--- EXCERPTED RECORDS Enclosed Below ---

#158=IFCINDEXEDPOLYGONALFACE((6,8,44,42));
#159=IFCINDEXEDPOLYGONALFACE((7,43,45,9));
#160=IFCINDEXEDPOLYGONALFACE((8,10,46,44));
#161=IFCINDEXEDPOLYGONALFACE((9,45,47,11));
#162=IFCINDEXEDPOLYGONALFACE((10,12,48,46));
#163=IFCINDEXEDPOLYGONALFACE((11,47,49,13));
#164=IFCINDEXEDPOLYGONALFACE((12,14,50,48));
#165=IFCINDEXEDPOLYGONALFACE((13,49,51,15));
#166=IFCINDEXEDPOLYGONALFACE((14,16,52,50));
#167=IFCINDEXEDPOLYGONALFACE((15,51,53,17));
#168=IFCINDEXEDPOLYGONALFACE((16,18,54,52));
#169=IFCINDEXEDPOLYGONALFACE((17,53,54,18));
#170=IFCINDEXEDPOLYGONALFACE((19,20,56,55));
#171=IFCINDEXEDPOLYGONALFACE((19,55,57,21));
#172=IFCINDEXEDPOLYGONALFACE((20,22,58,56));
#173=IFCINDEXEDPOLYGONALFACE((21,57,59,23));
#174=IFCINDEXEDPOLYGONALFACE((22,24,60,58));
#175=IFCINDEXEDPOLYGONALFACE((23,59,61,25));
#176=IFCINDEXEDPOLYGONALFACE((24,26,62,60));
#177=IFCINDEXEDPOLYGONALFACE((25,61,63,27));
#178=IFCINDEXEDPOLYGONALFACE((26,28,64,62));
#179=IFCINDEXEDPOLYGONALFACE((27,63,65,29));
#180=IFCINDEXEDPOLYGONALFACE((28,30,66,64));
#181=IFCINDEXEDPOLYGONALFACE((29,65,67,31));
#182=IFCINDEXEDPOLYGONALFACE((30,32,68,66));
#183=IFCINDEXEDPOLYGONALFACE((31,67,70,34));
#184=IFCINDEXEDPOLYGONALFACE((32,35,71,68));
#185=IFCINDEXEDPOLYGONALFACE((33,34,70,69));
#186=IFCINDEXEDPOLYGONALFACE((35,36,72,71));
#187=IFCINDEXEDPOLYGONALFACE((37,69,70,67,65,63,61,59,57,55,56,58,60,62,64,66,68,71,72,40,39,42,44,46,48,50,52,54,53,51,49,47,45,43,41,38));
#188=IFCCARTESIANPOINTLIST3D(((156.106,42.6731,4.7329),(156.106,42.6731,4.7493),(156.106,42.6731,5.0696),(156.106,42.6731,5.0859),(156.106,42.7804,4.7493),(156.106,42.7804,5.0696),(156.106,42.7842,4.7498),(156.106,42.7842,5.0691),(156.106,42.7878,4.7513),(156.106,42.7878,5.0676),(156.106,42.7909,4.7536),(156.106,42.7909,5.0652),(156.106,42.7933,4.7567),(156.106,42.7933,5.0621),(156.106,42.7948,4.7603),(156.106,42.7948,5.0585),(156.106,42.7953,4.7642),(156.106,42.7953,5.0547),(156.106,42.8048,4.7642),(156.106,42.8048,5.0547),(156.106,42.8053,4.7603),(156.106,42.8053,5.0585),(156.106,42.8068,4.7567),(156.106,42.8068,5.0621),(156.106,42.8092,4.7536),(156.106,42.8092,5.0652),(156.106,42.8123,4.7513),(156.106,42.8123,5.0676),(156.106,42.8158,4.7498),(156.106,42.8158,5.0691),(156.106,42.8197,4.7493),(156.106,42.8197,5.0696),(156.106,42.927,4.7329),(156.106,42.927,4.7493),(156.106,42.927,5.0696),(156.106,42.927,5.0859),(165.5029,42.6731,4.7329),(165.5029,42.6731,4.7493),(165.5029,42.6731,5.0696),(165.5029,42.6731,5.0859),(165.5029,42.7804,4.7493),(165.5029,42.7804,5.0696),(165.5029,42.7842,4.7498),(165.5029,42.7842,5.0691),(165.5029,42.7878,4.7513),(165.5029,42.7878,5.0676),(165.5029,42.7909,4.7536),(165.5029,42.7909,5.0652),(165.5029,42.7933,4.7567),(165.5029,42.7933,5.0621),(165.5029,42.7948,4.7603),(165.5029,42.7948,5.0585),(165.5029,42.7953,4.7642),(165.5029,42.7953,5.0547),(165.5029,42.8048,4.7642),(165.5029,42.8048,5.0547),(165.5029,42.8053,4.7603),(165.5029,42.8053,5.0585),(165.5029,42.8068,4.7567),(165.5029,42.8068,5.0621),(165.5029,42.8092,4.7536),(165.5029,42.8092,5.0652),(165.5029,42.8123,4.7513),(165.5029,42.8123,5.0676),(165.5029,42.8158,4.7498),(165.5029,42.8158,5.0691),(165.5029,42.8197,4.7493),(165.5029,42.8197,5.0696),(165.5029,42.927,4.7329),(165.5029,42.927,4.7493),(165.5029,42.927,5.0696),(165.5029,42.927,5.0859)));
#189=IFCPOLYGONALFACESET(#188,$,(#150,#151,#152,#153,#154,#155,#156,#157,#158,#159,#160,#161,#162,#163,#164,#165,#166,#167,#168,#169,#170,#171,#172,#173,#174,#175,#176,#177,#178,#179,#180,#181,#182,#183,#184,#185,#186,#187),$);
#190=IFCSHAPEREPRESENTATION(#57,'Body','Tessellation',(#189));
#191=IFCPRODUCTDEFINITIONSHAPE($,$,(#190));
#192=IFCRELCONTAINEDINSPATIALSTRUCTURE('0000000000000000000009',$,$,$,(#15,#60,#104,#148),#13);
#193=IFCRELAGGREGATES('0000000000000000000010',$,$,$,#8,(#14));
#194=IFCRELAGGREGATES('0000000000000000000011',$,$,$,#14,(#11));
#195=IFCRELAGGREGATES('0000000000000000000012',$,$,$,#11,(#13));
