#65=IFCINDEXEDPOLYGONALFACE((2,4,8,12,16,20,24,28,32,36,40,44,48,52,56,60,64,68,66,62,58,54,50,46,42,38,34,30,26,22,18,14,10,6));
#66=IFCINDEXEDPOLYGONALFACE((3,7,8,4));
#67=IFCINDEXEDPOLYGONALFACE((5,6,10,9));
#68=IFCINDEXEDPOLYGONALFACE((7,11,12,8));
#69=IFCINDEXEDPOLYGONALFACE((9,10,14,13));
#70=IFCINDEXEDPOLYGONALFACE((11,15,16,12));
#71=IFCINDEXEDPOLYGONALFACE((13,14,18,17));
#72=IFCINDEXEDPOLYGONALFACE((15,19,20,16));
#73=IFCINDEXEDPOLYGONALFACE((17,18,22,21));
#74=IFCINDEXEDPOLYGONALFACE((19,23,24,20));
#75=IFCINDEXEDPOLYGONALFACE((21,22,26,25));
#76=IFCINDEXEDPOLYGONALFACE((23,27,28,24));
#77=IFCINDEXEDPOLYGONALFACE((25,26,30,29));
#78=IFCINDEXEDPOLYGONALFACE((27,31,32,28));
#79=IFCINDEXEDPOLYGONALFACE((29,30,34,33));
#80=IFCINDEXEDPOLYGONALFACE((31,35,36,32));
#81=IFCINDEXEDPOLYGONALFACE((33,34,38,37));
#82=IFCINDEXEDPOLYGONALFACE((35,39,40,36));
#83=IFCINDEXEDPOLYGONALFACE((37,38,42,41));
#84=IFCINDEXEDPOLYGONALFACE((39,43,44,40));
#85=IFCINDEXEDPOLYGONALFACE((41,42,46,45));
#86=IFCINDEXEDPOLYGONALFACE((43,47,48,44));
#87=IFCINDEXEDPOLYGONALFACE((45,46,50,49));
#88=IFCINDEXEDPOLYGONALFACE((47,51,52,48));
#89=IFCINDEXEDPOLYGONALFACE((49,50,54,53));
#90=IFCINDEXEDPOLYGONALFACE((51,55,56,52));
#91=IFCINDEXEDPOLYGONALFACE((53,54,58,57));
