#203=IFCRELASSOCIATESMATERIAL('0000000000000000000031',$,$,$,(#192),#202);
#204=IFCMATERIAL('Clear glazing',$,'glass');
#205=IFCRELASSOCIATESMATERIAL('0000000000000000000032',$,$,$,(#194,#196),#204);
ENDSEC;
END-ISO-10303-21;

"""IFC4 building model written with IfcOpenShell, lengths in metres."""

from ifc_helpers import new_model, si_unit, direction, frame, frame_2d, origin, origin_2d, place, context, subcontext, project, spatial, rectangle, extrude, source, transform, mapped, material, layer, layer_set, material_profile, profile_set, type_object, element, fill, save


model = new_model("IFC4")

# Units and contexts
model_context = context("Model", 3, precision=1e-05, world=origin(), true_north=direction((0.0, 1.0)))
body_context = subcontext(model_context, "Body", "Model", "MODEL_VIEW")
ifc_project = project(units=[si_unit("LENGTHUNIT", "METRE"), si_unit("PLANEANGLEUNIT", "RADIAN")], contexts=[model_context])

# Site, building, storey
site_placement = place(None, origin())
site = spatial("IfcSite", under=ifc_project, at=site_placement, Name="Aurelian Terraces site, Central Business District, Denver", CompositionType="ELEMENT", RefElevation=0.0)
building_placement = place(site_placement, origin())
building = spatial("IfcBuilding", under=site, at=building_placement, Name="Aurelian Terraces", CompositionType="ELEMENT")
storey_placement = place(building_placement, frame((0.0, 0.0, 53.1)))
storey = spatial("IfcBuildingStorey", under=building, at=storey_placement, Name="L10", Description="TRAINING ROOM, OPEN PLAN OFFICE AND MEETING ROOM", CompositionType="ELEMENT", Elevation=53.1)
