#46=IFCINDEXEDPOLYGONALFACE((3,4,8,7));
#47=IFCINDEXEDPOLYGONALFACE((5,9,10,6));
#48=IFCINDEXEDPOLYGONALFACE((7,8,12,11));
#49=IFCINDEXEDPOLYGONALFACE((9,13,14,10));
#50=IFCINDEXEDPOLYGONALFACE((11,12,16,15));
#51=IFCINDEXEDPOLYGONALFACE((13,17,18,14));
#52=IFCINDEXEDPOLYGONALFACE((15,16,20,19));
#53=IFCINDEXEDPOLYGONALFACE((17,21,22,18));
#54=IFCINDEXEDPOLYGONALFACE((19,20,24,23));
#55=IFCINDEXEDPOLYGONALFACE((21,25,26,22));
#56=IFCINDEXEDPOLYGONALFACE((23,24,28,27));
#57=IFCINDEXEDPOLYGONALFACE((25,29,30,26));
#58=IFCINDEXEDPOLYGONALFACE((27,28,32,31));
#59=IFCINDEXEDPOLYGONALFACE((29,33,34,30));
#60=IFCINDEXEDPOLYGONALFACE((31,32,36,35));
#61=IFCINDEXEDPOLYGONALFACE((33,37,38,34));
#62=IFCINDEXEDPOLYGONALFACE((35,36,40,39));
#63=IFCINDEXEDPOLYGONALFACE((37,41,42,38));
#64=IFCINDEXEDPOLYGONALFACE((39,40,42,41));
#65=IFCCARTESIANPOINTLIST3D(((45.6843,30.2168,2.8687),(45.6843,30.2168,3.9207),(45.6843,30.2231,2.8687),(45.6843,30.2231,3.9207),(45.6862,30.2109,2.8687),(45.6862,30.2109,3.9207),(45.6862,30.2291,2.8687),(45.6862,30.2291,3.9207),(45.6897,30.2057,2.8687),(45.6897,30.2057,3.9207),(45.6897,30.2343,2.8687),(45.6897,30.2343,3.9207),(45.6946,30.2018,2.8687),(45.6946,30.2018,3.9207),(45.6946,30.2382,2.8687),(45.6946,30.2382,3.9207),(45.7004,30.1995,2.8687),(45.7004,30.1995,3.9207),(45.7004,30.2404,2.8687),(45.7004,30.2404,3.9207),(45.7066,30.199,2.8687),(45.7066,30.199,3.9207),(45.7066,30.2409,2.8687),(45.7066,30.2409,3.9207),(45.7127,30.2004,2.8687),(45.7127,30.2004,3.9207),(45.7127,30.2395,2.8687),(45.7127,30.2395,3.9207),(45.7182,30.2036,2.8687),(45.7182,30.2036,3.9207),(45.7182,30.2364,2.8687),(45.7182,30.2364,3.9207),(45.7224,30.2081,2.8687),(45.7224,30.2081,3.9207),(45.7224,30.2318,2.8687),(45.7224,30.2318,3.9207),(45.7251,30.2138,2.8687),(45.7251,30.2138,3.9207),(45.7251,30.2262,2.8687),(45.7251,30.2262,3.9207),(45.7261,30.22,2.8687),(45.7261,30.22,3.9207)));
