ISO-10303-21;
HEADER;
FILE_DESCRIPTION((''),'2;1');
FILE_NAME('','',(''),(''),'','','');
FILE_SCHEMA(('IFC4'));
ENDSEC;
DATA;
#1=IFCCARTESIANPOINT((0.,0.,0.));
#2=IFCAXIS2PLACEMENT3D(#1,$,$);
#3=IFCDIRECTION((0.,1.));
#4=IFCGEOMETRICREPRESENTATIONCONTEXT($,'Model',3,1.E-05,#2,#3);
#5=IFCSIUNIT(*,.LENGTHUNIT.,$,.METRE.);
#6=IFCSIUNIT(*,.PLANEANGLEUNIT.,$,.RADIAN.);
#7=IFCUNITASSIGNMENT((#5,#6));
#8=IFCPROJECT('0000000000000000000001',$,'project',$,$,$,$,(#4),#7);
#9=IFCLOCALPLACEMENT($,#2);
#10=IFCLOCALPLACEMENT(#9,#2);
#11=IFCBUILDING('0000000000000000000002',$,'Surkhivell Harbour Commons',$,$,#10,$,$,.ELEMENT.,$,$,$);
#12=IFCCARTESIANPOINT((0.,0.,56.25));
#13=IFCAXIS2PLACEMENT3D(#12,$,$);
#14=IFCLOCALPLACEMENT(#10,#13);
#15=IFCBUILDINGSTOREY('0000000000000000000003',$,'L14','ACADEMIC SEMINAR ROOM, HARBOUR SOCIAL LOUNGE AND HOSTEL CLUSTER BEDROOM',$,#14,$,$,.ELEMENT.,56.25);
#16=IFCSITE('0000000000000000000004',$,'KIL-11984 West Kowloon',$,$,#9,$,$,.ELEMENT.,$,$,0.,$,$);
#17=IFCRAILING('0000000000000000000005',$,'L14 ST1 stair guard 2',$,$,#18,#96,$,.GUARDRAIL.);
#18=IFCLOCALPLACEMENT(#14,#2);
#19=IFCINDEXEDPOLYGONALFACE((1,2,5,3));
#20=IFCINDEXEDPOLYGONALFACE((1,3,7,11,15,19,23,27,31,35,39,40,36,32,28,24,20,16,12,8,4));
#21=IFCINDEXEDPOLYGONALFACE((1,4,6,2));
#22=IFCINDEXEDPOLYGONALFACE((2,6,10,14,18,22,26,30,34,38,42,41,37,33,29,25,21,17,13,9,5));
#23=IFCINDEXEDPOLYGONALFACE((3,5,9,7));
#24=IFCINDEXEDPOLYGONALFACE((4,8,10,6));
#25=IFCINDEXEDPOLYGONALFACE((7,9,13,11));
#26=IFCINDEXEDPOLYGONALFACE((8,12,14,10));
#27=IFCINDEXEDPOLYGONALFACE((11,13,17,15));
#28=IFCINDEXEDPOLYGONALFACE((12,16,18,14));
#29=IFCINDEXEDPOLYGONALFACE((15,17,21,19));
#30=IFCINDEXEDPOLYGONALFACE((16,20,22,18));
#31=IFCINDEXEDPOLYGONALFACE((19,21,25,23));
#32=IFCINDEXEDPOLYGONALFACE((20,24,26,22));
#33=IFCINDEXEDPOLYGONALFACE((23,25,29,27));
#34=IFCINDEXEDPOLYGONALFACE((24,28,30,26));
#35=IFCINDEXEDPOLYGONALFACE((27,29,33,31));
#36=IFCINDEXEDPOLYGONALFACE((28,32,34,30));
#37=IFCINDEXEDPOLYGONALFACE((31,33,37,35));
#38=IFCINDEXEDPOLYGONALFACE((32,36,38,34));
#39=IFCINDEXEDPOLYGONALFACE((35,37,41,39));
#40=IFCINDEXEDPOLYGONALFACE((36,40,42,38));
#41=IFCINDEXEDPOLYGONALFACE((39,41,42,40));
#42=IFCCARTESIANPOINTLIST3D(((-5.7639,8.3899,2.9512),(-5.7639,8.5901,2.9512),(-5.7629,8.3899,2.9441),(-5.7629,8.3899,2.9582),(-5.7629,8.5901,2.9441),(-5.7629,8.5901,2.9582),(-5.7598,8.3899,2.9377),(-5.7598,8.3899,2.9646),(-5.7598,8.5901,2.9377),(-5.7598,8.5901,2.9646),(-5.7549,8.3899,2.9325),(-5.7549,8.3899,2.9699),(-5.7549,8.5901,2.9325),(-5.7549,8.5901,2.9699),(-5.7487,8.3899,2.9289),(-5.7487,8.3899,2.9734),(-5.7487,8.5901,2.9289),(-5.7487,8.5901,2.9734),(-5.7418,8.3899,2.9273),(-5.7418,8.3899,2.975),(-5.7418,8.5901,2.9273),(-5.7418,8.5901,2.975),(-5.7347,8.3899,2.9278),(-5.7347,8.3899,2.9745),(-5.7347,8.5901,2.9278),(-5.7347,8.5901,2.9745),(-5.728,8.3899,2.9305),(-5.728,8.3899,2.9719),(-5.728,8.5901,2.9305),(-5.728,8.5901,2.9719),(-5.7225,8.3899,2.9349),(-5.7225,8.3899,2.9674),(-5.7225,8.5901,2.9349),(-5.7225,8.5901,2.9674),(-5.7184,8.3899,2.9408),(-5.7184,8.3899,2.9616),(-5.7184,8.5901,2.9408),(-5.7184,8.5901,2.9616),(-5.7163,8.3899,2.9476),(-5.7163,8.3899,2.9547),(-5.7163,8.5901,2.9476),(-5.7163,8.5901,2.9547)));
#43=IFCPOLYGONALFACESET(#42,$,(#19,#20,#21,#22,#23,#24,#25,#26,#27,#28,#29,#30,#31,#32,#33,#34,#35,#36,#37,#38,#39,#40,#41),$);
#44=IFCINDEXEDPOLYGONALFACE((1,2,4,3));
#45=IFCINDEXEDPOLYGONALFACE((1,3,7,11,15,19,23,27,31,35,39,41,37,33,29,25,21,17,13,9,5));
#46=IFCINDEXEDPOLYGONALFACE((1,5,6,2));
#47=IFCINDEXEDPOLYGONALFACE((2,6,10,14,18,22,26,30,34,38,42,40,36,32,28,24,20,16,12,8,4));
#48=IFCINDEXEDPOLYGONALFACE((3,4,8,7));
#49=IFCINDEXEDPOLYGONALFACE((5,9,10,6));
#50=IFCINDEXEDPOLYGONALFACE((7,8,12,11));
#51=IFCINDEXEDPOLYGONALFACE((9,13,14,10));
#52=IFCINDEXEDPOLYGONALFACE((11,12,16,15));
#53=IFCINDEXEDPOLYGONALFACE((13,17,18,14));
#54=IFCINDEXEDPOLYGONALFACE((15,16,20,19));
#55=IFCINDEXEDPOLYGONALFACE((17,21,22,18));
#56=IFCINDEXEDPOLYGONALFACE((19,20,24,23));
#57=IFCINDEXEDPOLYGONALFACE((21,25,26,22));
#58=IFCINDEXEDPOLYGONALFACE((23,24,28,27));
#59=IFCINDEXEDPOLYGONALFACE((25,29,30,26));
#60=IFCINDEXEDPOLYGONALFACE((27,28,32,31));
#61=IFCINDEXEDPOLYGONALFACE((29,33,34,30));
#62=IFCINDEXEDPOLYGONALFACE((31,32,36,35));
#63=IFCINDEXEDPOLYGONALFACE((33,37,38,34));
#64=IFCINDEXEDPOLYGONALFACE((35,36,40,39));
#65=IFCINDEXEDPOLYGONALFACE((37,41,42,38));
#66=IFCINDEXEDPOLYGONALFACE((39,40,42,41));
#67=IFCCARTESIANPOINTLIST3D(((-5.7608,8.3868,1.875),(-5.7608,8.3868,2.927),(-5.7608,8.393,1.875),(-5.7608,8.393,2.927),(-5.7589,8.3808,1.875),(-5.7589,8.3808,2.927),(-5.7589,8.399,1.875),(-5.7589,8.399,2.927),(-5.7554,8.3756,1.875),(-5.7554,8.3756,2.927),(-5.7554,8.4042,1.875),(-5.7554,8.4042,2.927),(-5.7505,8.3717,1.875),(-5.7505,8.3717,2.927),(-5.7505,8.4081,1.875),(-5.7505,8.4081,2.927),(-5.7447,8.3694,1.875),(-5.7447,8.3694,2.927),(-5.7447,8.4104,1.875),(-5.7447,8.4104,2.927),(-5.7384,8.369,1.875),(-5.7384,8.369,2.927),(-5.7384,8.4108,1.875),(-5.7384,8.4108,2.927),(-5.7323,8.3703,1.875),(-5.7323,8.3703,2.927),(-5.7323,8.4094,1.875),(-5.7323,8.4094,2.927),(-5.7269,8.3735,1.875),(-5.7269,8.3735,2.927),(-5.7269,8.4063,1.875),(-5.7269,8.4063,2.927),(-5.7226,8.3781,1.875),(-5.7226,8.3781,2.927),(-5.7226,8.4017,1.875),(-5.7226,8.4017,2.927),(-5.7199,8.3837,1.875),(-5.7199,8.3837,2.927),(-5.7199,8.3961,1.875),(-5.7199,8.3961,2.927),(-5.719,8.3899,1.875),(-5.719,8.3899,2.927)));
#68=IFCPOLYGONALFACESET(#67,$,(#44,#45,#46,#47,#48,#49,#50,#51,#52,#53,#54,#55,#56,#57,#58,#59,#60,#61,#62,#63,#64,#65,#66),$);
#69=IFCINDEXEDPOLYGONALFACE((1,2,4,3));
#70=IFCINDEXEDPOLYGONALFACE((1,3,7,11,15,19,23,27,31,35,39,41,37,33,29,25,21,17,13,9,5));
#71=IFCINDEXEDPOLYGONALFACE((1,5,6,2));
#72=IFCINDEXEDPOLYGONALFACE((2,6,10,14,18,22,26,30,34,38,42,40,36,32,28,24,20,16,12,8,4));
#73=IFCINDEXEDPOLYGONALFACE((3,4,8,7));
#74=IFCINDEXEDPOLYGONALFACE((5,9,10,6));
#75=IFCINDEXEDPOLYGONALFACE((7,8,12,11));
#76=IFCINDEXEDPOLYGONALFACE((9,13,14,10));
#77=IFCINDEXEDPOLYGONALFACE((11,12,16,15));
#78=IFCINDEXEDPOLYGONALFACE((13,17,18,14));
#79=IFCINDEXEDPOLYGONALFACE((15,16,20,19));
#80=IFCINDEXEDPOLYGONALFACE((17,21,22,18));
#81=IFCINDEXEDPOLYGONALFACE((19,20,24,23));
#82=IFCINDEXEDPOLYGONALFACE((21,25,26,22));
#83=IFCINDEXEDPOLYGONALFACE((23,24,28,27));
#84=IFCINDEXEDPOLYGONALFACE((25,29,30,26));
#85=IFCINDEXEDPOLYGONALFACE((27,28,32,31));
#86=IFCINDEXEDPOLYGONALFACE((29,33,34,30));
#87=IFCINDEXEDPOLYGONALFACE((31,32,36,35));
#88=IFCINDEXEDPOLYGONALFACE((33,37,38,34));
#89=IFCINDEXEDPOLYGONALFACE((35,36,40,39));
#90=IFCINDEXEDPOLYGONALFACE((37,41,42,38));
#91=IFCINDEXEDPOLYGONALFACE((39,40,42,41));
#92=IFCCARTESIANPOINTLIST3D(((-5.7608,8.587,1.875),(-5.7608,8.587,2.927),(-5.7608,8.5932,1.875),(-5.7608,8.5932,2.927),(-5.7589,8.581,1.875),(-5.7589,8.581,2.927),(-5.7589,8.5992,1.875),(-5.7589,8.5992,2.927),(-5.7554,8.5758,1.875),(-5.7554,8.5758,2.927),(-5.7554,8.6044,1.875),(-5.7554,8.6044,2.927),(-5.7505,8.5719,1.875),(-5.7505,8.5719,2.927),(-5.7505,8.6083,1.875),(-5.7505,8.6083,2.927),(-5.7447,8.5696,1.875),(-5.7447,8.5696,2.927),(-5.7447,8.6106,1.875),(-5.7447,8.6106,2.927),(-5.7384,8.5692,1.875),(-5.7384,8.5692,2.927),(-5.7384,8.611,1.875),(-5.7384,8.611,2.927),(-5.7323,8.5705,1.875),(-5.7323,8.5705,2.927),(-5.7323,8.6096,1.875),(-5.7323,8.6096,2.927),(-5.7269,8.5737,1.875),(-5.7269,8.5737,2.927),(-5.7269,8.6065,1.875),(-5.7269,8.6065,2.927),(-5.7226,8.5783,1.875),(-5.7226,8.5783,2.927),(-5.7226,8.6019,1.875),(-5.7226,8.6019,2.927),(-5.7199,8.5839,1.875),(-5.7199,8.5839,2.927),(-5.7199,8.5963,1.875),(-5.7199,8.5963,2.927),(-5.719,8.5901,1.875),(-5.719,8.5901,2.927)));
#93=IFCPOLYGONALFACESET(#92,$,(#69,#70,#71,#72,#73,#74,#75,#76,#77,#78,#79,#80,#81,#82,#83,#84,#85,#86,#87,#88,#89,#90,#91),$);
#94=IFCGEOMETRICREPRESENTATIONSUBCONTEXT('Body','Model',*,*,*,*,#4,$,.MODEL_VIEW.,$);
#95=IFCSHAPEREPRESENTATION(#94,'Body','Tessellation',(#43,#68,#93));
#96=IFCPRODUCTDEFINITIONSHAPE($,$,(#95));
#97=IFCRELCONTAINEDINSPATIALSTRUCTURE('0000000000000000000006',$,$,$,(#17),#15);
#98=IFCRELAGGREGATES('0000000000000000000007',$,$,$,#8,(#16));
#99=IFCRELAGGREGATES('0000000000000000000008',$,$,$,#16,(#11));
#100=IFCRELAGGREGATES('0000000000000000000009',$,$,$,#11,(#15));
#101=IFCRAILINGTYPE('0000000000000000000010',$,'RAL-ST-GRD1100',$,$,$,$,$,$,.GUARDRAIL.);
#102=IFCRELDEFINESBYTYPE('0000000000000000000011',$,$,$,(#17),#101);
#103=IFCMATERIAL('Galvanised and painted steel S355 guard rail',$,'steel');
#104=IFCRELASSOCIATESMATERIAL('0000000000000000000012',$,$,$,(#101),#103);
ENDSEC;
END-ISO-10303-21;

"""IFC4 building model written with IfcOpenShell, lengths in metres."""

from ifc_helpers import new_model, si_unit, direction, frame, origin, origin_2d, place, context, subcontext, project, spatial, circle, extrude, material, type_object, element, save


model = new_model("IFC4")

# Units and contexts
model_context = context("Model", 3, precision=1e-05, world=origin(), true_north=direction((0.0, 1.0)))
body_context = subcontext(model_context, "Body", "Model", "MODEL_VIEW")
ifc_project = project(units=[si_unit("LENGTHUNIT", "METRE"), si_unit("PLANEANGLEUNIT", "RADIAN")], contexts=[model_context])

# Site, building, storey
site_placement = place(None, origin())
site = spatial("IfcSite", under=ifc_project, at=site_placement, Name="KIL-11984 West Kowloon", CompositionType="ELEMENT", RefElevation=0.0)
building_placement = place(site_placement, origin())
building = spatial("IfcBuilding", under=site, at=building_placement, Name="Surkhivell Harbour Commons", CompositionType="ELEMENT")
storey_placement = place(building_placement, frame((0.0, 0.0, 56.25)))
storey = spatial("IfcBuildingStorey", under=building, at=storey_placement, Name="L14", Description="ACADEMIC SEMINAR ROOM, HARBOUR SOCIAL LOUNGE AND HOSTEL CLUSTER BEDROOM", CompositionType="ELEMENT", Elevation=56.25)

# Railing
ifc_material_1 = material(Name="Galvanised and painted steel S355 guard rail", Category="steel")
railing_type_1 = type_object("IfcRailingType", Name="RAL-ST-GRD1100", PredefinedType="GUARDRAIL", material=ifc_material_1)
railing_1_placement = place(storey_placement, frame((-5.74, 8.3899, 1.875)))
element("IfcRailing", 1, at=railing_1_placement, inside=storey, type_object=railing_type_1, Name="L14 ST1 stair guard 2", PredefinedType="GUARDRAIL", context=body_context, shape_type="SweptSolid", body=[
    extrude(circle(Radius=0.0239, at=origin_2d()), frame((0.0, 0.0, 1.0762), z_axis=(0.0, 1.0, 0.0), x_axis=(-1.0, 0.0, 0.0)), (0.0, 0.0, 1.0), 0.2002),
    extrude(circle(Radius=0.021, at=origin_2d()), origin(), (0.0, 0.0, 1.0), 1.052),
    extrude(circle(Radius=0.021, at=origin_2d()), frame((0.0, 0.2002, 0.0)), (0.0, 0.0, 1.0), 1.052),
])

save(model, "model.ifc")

--- End of Enclosed EXCERPTED RECORDS ---

■ **GOAL OF THE EXERCISE**
Extract, please, the lines from the start of the entries above through the one with "#186=IFCINDEXEDPOLYGONALFACE((35,36,72,71));", both included, reproducing each exactly and adding nothing.

■ **RESULT**
#158=IFCINDEXEDPOLYGONALFACE((6,8,44,42));
#159=IFCINDEXEDPOLYGONALFACE((7,43,45,9));
#160=IFCINDEXEDPOLYGONALFACE((8,10,46,44));
#161=IFCINDEXEDPOLYGONALFACE((9,45,47,11));
#162=IFCINDEXEDPOLYGONALFACE((10,12,48,46));
#163=IFCINDEXEDPOLYGONALFACE((11,47,49,13));
#164=IFCINDEXEDPOLYGONALFACE((12,14,50,48));
#165=IFCINDEXEDPOLYGONALFACE((13,49,51,15));
#166=IFCINDEXEDPOLYGONALFACE((14,16,52,50));
#167=IFCINDEXEDPOLYGONALFACE((15,51,53,17));
#168=IFCINDEXEDPOLYGONALFACE((16,18,54,52));
#169=IFCINDEXEDPOLYGONALFACE((17,53,54,18));
#170=IFCINDEXEDPOLYGONALFACE((19,20,56,55));
#171=IFCINDEXEDPOLYGONALFACE((19,55,57,21));
#172=IFCINDEXEDPOLYGONALFACE((20,22,58,56));
#173=IFCINDEXEDPOLYGONALFACE((21,57,59,23));
#174=IFCINDEXEDPOLYGONALFACE((22,24,60,58));
#175=IFCINDEXEDPOLYGONALFACE((23,59,61,25));
#176=IFCINDEXEDPOLYGONALFACE((24,26,62,60));
#177=IFCINDEXEDPOLYGONALFACE((25,61,63,27));
#178=IFCINDEXEDPOLYGONALFACE((26,28,64,62));
#179=IFCINDEXEDPOLYGONALFACE((27,63,65,29));
#180=IFCINDEXEDPOLYGONALFACE((28,30,66,64));
#181=IFCINDEXEDPOLYGONALFACE((29,65,67,31));
#182=IFCINDEXEDPOLYGONALFACE((30,32,68,66));
#183=IFCINDEXEDPOLYGONALFACE((31,67,70,34));
#184=IFCINDEXEDPOLYGONALFACE((32,35,71,68));
#185=IFCINDEXEDPOLYGONALFACE((33,34,70,69));
#186=IFCINDEXEDPOLYGONALFACE((35,36,72,71));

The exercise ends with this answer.